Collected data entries
+ + +

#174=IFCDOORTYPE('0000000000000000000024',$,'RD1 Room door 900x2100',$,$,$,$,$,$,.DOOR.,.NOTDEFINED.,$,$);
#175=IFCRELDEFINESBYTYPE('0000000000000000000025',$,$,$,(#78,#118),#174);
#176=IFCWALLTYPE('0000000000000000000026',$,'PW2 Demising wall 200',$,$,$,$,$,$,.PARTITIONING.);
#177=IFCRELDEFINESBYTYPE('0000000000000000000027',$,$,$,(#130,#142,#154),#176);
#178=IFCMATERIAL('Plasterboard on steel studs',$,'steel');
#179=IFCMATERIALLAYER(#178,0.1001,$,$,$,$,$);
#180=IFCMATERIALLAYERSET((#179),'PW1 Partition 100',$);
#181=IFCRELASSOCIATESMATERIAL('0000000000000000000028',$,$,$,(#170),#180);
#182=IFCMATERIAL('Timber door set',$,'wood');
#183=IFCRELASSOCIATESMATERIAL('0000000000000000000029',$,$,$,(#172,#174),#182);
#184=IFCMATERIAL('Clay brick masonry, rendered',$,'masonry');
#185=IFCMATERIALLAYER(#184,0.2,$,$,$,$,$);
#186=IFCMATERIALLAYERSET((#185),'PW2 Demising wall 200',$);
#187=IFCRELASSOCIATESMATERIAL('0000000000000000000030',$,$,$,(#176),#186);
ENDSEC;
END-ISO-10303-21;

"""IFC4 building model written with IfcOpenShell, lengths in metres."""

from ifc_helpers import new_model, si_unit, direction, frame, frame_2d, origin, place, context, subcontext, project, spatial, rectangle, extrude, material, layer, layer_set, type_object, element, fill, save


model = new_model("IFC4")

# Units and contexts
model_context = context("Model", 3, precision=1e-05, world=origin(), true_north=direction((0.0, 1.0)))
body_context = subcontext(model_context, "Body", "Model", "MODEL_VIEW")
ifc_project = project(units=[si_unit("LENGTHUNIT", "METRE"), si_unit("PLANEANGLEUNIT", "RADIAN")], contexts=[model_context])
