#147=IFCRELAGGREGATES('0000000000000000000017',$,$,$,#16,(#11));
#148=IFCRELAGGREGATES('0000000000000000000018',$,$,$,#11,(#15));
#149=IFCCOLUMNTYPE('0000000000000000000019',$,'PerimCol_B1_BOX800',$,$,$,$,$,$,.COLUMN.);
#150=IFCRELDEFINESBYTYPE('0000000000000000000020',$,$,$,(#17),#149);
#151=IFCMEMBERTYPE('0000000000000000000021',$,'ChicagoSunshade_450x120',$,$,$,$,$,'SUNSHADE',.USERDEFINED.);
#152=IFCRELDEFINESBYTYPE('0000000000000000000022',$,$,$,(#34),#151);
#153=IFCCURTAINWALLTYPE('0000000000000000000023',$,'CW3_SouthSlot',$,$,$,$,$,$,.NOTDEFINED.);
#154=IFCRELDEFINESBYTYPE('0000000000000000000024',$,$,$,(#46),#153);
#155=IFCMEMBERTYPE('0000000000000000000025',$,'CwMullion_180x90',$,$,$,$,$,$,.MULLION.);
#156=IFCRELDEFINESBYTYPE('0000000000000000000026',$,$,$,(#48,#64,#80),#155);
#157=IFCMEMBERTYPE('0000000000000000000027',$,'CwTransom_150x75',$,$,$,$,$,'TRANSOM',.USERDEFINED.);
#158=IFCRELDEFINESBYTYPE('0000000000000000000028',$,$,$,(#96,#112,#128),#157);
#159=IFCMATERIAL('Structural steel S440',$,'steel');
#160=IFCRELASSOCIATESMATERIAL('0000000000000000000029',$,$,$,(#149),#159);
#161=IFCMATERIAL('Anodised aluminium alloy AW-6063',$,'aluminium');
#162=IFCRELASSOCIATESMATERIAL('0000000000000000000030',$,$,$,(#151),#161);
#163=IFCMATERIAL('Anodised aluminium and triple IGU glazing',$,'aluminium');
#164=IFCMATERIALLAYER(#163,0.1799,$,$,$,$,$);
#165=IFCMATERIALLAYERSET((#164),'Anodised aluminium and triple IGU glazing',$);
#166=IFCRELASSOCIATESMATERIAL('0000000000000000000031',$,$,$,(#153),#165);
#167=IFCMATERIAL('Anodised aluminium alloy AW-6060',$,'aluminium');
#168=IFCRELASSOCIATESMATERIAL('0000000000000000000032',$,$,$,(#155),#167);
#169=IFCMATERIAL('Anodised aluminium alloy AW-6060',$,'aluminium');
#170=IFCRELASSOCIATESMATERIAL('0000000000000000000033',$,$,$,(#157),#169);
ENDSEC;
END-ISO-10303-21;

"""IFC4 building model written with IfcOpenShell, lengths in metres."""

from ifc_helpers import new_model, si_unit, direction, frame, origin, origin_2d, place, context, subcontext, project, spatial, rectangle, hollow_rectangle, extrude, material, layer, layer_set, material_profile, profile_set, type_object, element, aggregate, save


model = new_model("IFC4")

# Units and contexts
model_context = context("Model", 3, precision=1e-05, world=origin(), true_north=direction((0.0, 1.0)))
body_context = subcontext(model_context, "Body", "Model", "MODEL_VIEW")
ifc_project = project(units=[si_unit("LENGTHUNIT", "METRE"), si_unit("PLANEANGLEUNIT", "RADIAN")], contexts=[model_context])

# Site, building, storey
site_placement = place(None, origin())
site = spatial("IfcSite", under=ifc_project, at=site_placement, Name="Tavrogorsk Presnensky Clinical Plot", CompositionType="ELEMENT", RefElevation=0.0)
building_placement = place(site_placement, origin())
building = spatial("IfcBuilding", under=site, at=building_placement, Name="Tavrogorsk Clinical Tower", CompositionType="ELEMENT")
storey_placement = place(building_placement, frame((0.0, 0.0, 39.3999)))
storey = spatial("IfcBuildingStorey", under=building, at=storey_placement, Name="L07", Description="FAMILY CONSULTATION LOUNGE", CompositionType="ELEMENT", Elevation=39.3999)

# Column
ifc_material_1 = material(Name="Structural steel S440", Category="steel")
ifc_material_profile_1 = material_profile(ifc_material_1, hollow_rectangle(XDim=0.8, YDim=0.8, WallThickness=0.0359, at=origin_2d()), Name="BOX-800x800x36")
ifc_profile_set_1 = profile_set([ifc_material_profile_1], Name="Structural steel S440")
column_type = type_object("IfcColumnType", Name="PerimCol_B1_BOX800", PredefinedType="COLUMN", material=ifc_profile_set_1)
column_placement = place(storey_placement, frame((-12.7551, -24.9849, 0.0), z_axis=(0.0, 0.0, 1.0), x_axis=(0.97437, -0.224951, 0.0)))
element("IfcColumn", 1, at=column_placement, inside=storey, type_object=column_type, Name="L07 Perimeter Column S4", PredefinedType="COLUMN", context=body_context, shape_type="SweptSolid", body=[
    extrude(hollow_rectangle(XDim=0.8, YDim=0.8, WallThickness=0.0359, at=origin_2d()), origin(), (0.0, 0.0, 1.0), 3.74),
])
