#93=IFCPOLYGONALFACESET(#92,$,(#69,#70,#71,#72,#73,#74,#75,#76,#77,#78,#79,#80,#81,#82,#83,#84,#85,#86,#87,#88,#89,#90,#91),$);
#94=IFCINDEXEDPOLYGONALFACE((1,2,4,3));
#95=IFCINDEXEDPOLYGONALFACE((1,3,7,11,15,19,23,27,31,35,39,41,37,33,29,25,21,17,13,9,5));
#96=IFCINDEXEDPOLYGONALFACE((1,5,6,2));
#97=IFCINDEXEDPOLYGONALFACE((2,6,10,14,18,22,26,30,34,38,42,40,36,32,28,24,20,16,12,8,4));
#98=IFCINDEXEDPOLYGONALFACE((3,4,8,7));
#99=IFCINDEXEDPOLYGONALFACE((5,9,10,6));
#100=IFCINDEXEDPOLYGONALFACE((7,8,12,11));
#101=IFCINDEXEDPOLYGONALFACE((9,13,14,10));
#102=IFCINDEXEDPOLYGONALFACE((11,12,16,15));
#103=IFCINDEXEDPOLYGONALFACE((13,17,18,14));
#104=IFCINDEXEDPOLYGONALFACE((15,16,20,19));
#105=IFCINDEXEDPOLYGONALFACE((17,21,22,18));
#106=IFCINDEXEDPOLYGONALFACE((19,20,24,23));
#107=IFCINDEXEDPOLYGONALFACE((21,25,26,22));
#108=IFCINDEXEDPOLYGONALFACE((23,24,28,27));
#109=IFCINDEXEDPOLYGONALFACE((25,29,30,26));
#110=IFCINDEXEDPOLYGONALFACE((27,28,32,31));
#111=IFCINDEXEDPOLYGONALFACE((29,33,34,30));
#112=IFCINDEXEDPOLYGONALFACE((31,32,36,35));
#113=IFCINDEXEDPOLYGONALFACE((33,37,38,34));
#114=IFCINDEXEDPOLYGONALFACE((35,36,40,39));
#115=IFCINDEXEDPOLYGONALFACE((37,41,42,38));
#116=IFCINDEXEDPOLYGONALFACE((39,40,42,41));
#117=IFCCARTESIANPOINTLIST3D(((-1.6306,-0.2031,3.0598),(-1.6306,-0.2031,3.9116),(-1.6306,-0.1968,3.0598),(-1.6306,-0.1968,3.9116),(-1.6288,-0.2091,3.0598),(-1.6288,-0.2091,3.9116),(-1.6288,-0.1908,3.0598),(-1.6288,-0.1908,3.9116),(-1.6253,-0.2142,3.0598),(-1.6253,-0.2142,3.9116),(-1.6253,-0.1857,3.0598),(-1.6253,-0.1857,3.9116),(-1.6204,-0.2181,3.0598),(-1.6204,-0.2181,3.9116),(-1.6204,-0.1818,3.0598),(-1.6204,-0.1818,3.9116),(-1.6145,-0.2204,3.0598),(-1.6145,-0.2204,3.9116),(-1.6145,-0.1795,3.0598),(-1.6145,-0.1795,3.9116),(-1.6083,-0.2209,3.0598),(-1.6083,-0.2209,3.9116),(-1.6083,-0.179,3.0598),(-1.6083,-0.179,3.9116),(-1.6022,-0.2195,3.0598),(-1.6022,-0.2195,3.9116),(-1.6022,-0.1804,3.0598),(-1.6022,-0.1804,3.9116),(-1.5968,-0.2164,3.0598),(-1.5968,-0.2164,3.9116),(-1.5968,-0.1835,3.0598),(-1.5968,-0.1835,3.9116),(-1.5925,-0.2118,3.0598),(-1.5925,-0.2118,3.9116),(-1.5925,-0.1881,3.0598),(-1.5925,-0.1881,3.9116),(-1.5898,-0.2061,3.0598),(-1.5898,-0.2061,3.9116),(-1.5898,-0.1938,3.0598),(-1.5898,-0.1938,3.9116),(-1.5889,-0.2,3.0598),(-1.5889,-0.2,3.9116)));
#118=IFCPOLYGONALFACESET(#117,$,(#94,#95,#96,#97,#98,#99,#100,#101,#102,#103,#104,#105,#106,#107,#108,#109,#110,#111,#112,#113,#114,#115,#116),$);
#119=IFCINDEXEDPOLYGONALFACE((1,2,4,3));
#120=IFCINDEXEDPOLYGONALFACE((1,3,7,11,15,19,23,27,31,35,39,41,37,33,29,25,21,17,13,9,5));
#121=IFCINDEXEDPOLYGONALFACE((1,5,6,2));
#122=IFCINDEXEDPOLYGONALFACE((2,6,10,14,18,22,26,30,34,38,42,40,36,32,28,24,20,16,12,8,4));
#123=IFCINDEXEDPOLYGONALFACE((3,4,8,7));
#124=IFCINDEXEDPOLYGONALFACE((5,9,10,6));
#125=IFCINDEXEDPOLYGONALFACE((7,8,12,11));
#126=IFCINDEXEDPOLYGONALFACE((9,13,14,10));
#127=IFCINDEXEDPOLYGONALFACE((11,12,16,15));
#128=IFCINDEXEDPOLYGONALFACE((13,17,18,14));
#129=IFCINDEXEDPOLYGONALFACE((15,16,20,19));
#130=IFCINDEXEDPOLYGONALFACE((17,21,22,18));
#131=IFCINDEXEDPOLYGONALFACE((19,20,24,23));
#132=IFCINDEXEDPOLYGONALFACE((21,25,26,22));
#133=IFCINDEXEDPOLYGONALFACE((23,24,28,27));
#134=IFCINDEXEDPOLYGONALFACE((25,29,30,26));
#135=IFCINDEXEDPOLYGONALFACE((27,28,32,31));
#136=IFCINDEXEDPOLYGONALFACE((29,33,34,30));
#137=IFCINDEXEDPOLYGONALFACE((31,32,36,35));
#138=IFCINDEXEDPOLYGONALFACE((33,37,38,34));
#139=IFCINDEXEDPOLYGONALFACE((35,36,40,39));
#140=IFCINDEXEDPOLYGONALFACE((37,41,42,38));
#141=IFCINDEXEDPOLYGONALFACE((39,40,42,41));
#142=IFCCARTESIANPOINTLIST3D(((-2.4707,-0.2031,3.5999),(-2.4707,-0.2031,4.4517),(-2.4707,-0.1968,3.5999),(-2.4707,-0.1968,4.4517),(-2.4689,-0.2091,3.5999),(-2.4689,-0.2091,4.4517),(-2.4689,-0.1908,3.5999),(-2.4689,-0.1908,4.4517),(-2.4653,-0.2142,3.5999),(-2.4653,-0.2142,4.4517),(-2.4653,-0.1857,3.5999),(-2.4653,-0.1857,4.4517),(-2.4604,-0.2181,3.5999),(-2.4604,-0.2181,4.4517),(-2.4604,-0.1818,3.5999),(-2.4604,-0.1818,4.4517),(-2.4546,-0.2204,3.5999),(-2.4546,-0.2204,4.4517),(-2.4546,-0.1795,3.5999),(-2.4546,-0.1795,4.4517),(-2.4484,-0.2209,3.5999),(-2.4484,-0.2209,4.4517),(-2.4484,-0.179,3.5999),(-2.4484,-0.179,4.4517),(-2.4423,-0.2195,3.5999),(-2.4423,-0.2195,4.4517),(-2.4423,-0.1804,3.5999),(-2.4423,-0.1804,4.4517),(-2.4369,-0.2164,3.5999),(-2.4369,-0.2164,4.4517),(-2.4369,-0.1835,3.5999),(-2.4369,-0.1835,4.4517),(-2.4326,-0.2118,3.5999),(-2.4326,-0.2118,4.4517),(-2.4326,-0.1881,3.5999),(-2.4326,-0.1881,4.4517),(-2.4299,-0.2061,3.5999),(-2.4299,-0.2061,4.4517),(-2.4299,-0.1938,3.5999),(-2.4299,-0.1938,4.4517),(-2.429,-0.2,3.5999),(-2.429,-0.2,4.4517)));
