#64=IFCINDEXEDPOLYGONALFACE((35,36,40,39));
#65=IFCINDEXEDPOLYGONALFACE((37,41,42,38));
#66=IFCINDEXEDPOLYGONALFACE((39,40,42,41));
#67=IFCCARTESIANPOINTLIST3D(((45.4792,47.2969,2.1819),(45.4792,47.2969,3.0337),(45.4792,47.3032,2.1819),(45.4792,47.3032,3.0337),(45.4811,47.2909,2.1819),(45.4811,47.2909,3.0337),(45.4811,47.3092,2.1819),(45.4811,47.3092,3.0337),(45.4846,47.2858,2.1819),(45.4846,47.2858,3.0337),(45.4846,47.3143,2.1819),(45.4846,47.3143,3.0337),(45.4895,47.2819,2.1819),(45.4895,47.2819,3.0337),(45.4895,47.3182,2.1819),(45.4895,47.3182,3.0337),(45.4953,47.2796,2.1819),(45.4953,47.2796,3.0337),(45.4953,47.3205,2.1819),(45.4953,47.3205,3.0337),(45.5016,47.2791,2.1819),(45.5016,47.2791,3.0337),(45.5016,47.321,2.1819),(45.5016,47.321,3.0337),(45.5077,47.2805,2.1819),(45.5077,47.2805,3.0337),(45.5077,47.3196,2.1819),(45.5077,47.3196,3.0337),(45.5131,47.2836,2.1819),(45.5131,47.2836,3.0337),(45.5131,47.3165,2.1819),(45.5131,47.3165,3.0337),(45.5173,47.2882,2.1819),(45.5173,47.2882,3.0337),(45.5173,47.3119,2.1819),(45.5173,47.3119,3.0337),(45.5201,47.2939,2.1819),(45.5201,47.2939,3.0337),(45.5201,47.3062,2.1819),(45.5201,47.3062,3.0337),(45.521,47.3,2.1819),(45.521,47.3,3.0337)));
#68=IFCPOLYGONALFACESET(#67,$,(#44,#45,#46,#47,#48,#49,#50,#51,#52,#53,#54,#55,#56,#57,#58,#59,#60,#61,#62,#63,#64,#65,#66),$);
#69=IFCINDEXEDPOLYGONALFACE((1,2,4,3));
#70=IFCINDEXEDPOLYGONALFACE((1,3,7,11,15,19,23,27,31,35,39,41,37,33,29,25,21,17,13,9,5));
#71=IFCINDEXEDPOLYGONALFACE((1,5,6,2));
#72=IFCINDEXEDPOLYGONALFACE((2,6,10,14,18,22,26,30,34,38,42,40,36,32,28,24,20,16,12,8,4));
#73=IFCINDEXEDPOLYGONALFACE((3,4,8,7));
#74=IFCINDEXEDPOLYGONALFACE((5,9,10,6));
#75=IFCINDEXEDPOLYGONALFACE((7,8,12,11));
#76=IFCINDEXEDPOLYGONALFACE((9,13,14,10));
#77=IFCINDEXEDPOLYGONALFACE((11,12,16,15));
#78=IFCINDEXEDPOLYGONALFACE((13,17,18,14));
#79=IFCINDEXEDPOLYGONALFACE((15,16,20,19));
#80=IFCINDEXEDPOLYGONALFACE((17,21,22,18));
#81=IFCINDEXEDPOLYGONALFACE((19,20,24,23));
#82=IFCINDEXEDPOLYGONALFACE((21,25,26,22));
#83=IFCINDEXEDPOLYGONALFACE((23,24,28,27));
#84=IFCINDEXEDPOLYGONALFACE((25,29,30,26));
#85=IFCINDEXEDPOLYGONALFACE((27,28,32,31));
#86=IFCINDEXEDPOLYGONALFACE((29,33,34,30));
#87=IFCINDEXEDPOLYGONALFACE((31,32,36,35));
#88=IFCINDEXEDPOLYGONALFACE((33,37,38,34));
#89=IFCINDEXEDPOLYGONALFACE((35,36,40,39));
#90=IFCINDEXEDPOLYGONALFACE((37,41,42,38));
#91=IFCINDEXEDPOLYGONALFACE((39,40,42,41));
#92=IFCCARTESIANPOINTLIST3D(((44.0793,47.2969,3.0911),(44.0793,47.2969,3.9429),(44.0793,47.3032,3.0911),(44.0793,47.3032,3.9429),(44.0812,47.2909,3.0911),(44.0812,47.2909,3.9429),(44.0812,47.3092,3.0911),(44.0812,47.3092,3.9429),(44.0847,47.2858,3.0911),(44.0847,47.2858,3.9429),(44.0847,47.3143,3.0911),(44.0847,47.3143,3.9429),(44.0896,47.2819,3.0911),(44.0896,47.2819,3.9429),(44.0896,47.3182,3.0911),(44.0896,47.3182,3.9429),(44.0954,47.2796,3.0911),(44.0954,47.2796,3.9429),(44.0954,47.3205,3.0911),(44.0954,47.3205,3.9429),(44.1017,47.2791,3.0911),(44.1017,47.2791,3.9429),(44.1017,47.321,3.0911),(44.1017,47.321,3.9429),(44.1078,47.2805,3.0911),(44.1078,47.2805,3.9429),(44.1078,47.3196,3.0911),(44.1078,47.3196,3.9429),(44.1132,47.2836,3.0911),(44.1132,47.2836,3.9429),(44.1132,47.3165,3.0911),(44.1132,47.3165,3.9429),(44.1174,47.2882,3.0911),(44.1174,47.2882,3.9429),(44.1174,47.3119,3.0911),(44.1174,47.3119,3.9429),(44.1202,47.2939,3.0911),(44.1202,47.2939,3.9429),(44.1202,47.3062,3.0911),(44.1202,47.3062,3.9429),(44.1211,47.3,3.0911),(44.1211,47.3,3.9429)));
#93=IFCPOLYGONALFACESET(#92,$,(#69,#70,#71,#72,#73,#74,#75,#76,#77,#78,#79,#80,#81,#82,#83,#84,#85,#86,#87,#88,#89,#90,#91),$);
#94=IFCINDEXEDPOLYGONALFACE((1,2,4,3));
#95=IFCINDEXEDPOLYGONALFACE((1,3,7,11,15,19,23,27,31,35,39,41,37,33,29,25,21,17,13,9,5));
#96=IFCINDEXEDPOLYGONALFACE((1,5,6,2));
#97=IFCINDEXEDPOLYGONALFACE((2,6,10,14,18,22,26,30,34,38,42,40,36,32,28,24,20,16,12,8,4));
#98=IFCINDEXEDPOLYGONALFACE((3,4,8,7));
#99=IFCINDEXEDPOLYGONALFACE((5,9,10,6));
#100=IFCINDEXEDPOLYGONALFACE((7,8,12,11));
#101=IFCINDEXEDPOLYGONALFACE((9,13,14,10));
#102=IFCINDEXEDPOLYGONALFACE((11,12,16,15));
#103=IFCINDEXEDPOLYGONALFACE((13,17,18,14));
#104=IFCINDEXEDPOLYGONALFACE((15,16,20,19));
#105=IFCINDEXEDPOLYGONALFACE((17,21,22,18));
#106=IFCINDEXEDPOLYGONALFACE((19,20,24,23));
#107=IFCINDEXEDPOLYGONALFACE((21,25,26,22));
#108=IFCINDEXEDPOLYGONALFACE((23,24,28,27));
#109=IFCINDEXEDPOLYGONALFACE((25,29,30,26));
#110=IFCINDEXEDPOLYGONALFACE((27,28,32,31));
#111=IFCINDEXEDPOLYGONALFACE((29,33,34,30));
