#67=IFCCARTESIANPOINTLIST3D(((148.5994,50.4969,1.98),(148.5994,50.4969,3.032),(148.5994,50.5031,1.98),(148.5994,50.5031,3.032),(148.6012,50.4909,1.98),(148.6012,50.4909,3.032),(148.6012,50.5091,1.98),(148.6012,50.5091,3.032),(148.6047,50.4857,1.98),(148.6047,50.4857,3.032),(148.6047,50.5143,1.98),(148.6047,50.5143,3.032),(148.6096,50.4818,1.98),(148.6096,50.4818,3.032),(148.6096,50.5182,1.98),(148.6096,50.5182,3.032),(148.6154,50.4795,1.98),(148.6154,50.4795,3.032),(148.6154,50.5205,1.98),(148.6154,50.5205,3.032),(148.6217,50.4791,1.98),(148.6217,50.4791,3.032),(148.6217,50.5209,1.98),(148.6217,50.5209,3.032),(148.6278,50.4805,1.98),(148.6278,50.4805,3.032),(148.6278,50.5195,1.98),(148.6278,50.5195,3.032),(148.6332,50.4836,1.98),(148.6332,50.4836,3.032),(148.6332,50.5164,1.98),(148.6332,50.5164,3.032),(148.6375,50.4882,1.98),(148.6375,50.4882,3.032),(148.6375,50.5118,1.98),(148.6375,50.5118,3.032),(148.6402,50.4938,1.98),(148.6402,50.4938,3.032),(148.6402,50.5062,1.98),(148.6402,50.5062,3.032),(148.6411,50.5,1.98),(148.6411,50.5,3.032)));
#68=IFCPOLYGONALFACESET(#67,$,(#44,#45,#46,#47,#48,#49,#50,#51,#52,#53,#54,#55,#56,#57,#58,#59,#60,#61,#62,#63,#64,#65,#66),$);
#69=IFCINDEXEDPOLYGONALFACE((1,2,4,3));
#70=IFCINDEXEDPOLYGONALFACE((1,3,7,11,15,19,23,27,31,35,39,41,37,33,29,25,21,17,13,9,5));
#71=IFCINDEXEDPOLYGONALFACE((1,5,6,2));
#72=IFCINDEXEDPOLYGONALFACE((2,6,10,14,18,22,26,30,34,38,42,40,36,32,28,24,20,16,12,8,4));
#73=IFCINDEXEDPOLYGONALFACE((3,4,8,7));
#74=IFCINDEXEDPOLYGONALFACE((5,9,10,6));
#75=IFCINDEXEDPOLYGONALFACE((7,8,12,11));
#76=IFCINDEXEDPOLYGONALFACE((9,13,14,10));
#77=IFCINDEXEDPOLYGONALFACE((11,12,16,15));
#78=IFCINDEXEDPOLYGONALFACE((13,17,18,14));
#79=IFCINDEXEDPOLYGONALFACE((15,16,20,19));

+ + +

§ **What the exercise asks**
Pick out each line above that includes "IFCRELASSOCIATESMATERIAL" and show it.

§ **Task response**
#181=IFCRELASSOCIATESMATERIAL('0000000000000000000028',$,$,$,(#170),#180);
#183=IFCRELASSOCIATESMATERIAL('0000000000000000000029',$,$,$,(#172,#174),#182);
#187=IFCRELASSOCIATESMATERIAL('0000000000000000000030',$,$,$,(#176),#186);
#160=IFCRELASSOCIATESMATERIAL('0000000000000000000029',$,$,$,(#149),#159);
#162=IFCRELASSOCIATESMATERIAL('0000000000000000000030',$,$,$,(#151),#161);
#166=IFCRELASSOCIATESMATERIAL('0000000000000000000031',$,$,$,(#153),#165);
#168=IFCRELASSOCIATESMATERIAL('0000000000000000000032',$,$,$,(#155),#167);
#170=IFCRELASSOCIATESMATERIAL('0000000000000000000033',$,$,$,(#157),#169);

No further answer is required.